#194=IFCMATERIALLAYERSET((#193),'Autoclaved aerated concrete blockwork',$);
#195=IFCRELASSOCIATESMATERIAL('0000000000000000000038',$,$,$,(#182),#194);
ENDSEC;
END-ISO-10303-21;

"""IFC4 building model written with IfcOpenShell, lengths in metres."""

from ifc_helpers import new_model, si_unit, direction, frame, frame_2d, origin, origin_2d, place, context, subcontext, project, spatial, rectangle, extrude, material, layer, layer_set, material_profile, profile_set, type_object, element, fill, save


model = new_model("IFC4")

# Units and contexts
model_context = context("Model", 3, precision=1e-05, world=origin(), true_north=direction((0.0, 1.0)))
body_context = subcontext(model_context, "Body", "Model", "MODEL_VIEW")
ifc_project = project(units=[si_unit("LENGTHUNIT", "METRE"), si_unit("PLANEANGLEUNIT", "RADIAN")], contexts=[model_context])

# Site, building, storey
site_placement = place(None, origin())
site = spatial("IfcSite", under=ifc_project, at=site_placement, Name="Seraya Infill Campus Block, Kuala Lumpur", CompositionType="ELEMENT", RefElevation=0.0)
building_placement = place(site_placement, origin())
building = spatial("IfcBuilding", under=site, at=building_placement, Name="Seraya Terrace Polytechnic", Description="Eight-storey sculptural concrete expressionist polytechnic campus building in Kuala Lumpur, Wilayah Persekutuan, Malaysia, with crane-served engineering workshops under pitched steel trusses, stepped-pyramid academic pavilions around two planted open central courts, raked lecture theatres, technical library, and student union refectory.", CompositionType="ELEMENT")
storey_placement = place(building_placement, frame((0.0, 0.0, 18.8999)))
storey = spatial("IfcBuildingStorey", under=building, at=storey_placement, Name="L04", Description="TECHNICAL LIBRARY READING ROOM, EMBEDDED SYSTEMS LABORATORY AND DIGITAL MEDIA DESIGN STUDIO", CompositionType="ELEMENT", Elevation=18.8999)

---

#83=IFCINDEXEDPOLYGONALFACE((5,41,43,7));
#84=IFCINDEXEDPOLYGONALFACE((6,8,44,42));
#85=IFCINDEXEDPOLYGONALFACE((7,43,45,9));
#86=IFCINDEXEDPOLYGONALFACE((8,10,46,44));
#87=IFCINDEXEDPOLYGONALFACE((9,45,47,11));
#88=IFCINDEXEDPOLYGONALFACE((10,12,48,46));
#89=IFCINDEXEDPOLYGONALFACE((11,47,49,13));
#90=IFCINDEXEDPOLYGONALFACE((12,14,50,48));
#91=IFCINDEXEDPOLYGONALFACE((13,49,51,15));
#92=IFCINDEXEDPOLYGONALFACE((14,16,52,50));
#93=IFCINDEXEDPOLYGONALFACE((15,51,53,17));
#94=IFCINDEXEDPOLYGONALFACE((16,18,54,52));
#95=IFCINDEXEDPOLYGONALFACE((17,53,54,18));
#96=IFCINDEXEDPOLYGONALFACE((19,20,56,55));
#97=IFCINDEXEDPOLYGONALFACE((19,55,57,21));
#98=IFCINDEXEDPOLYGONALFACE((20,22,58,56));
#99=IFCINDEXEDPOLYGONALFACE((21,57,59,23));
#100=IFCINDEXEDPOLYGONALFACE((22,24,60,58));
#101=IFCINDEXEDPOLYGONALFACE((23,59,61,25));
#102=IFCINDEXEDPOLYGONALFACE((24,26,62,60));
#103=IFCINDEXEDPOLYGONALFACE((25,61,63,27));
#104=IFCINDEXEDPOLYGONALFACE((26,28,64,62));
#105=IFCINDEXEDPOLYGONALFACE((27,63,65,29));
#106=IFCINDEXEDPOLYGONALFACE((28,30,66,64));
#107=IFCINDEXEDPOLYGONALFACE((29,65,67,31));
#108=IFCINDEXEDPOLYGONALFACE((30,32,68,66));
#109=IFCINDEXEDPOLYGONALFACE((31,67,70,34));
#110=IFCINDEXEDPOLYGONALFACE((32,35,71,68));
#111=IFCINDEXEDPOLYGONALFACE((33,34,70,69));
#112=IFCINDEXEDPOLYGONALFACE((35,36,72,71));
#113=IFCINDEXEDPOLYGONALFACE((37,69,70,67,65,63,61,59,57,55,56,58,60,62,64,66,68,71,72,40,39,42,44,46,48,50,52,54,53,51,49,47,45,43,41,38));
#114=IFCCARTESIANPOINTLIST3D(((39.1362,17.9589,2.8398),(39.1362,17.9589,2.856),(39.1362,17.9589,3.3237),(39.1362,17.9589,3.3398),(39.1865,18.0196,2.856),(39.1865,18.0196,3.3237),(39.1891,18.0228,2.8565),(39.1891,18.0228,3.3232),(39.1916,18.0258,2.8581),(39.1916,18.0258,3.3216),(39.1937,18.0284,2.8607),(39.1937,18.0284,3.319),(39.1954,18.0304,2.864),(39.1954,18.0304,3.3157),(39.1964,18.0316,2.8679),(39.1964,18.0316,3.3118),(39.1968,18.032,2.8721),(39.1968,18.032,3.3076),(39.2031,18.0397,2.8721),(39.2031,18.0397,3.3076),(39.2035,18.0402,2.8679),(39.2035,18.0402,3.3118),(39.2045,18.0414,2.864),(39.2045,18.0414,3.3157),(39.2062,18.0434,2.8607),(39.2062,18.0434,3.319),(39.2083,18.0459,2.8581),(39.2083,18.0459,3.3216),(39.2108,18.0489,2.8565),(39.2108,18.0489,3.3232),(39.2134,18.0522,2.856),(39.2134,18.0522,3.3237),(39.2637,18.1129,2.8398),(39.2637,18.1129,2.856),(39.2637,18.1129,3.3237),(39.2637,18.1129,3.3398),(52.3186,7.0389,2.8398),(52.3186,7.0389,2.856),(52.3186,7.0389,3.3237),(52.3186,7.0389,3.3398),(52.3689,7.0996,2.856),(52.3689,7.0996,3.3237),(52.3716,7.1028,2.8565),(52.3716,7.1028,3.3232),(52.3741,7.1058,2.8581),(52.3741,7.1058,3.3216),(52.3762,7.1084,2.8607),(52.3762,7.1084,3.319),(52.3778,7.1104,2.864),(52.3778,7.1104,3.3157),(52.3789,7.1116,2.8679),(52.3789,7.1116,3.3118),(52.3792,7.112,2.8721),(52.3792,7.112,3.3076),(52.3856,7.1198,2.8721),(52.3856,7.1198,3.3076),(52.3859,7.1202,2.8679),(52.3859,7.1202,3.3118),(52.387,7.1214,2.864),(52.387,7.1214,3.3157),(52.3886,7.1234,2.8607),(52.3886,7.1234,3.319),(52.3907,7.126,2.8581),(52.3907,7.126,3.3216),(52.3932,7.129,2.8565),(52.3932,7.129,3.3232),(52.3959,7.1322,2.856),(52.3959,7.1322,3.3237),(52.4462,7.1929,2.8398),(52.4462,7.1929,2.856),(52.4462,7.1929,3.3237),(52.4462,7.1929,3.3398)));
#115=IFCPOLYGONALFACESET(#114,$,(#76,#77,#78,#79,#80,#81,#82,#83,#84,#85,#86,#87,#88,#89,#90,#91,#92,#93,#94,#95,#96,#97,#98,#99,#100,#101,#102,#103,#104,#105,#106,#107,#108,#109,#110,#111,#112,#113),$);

What you are asked to do => Which lines above run from the one containing "#93=IFCINDEXEDPOLYGONALFACE((15,51,53,17));" to the one containing "#102=IFCINDEXEDPOLYGONALFACE((24,26,62,60));"? Give them again exactly, both ends included.

Solution =>
#93=IFCINDEXEDPOLYGONALFACE((15,51,53,17));
#94=IFCINDEXEDPOLYGONALFACE((16,18,54,52));
#95=IFCINDEXEDPOLYGONALFACE((17,53,54,18));
#96=IFCINDEXEDPOLYGONALFACE((19,20,56,55));
#97=IFCINDEXEDPOLYGONALFACE((19,55,57,21));
#98=IFCINDEXEDPOLYGONALFACE((20,22,58,56));
#99=IFCINDEXEDPOLYGONALFACE((21,57,59,23));
#100=IFCINDEXEDPOLYGONALFACE((22,24,60,58));
#101=IFCINDEXEDPOLYGONALFACE((23,59,61,25));
#102=IFCINDEXEDPOLYGONALFACE((24,26,62,60));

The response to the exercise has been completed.